Problem to solve. Examine the records and identify each line that includes the string "parts". Copy those lines.

Stored data
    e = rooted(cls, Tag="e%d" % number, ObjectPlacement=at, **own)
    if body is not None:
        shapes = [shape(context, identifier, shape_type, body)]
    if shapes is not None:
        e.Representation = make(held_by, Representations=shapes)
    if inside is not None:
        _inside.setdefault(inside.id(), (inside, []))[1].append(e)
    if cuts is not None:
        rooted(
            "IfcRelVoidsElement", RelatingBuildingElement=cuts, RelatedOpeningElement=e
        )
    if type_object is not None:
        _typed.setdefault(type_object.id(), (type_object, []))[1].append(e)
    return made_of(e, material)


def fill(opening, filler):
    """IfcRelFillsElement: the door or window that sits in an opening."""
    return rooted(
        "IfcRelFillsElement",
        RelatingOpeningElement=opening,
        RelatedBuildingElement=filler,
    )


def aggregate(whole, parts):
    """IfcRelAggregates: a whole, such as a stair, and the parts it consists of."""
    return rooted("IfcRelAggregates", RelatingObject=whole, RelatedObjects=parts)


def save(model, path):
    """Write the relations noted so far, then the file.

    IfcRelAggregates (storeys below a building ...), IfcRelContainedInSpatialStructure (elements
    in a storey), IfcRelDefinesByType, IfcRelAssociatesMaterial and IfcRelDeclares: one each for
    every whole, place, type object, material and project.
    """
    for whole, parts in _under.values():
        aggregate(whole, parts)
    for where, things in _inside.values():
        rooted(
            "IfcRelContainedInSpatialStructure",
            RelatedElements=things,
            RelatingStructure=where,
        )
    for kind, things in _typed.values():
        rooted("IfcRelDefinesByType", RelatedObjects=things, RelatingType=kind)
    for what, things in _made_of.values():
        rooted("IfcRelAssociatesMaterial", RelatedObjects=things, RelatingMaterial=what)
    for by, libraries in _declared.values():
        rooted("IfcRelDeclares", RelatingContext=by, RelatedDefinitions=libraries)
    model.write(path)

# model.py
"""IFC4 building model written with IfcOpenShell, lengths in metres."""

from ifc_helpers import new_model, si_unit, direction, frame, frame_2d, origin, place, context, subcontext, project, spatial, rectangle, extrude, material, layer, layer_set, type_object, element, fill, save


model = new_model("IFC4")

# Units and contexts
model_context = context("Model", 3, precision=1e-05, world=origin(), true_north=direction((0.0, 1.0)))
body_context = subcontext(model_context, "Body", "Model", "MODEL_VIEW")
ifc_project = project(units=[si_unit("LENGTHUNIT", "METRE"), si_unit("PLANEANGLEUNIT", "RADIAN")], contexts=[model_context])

Result of the exercise.
def aggregate(whole, parts):
    """IfcRelAggregates: a whole, such as a stair, and the parts it consists of."""
    return rooted("IfcRelAggregates", RelatingObject=whole, RelatedObjects=parts)
    for whole, parts in _under.values():
        aggregate(whole, parts)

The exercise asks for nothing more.